*** RECORD EXTRACTS Section Begins ***
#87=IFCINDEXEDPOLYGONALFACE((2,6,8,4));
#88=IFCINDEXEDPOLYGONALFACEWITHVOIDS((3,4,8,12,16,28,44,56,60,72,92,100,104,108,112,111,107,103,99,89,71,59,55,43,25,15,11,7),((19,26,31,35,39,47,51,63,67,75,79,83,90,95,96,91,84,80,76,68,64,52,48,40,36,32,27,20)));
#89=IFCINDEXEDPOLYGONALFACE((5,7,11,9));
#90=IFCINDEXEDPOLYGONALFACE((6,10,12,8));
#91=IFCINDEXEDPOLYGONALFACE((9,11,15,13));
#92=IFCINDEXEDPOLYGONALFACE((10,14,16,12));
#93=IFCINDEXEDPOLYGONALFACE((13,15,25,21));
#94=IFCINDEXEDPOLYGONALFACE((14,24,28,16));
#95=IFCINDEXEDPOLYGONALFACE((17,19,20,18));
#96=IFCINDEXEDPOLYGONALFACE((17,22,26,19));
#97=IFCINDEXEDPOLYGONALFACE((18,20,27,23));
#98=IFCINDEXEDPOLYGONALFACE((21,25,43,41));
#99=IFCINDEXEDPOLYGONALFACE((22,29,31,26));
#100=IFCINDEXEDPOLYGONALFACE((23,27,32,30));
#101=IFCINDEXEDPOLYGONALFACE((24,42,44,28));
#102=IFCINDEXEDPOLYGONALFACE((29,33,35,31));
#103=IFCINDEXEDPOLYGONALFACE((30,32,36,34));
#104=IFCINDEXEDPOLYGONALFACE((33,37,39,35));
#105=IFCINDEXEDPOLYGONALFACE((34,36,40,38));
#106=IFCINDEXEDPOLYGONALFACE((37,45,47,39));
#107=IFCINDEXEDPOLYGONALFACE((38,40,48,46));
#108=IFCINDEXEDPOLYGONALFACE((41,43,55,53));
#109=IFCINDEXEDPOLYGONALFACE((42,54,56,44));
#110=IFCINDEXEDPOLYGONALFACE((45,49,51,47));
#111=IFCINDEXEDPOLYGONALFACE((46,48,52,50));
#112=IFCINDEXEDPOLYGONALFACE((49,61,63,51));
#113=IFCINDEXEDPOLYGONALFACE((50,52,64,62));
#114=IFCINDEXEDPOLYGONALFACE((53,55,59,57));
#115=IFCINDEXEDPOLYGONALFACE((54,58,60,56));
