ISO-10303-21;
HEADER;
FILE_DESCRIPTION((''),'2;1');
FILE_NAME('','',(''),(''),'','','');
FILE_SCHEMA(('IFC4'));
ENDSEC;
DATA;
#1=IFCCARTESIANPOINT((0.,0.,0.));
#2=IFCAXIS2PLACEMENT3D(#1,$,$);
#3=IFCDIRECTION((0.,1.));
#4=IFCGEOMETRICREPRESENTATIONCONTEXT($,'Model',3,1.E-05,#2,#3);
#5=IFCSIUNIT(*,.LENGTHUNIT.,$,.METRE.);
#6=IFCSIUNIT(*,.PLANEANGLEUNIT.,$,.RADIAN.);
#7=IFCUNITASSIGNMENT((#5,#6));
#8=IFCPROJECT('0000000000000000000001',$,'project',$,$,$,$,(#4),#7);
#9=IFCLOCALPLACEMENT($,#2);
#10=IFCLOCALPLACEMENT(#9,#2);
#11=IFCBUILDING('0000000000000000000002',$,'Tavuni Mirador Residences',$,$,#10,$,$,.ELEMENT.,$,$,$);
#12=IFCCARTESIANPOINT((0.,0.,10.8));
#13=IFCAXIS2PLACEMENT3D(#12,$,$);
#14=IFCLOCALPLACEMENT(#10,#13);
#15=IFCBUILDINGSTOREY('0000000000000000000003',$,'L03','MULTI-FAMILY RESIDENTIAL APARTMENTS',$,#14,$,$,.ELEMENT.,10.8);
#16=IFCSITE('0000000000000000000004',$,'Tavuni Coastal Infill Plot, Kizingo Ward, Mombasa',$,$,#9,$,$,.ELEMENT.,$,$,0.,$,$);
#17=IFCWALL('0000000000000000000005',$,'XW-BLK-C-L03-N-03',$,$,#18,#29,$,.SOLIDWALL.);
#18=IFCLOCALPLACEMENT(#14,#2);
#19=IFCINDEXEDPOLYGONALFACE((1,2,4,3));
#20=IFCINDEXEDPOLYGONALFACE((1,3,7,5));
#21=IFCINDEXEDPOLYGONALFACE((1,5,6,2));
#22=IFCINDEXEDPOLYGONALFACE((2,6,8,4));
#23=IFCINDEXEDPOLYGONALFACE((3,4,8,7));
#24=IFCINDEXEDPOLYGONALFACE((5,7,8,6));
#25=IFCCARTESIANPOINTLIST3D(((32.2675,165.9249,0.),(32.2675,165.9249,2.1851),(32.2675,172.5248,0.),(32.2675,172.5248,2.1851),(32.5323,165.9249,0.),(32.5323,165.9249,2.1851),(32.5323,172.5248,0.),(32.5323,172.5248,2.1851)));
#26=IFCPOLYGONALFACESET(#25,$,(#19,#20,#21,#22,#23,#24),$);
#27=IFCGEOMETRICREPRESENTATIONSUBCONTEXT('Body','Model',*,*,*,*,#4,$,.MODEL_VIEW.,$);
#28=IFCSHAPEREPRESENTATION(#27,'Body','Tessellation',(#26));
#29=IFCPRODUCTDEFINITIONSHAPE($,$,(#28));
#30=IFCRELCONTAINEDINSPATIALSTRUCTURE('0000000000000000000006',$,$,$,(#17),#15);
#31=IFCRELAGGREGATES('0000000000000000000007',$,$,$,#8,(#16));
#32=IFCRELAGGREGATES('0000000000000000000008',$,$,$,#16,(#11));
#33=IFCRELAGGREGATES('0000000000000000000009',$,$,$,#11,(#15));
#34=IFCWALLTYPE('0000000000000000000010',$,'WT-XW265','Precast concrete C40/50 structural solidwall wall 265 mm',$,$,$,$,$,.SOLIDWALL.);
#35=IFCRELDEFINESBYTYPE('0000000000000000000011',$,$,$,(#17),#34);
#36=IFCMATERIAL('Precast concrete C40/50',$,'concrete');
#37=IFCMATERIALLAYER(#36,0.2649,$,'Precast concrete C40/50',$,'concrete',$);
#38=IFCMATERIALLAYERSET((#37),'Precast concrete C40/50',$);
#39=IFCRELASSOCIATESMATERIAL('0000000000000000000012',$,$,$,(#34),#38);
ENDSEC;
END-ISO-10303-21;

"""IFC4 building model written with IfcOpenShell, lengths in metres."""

from ifc_helpers import new_model, si_unit, direction, frame, frame_2d, origin, place, context, subcontext, project, spatial, rectangle, extrude, material, layer, layer_set, type_object, element, save


model = new_model("IFC4")

# Units and contexts
model_context = context("Model", 3, precision=1e-05, world=origin(), true_north=direction((0.0, 1.0)))
body_context = subcontext(model_context, "Body", "Model", "MODEL_VIEW")
ifc_project = project(units=[si_unit("LENGTHUNIT", "METRE"), si_unit("PLANEANGLEUNIT", "RADIAN")], contexts=[model_context])

# Site, building, storey
site_placement = place(None, origin())
site = spatial("IfcSite", under=ifc_project, at=site_placement, Name="Tavuni Coastal Infill Plot, Kizingo Ward, Mombasa", CompositionType="ELEMENT", RefElevation=0.0)
building_placement = place(site_placement, origin())
building = spatial("IfcBuilding", under=site, at=building_placement, Name="Tavuni Mirador Residences", CompositionType="ELEMENT")
storey_placement = place(building_placement, frame((0.0, 0.0, 10.8)))
storey = spatial("IfcBuildingStorey", under=building, at=storey_placement, Name="L03", Description="MULTI-FAMILY RESIDENTIAL APARTMENTS", CompositionType="ELEMENT", Elevation=10.8)

# Shared definitions
ifc_material_1 = material(Name="Precast concrete C40/50", Category="concrete")

# Wall
ifc_layer_1 = layer(ifc_material_1, 0.2649, Name="Precast concrete C40/50", Category="concrete")
ifc_layer_set_1 = layer_set([ifc_layer_1], Name="Precast concrete C40/50")
wall_type_1 = type_object("IfcWallType", Name="WT-XW265", Description="Precast concrete C40/50 structural solidwall wall 265 mm", PredefinedType="SOLIDWALL", material=ifc_layer_set_1)
wall_1_placement = place(storey_placement, frame((32.3999, 165.925, 0.0), z_axis=(0.0, 0.0, 1.0), x_axis=(0.0, 1.0, 0.0)))
element("IfcWall", 1, at=wall_1_placement, inside=storey, type_object=wall_type_1, Name="XW-BLK-C-L03-N-03", PredefinedType="SOLIDWALL", context=body_context, shape_type="SweptSolid", body=[
    extrude(rectangle(XDim=6.5999, YDim=0.2649, at=frame_2d((3.2998, 0.0))), origin(), (0.0, 0.0, 1.0), 2.1851),
])

save(model, "model.ifc")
*** RECORD EXTRACTS Section Ends ***
Transcribe verbatim. Cover the lines from the first line of the entries above to the line containing "#92=IFCINDEXEDPOLYGONALFACE((10,14,16,12));", inclusive.

## ANSWER SPACE:
#87=IFCINDEXEDPOLYGONALFACE((2,6,8,4));
#88=IFCINDEXEDPOLYGONALFACEWITHVOIDS((3,4,8,12,16,28,44,56,60,72,92,100,104,108,112,111,107,103,99,89,71,59,55,43,25,15,11,7),((19,26,31,35,39,47,51,63,67,75,79,83,90,95,96,91,84,80,76,68,64,52,48,40,36,32,27,20)));
#89=IFCINDEXEDPOLYGONALFACE((5,7,11,9));
#90=IFCINDEXEDPOLYGONALFACE((6,10,12,8));
#91=IFCINDEXEDPOLYGONALFACE((9,11,15,13));
#92=IFCINDEXEDPOLYGONALFACE((10,14,16,12));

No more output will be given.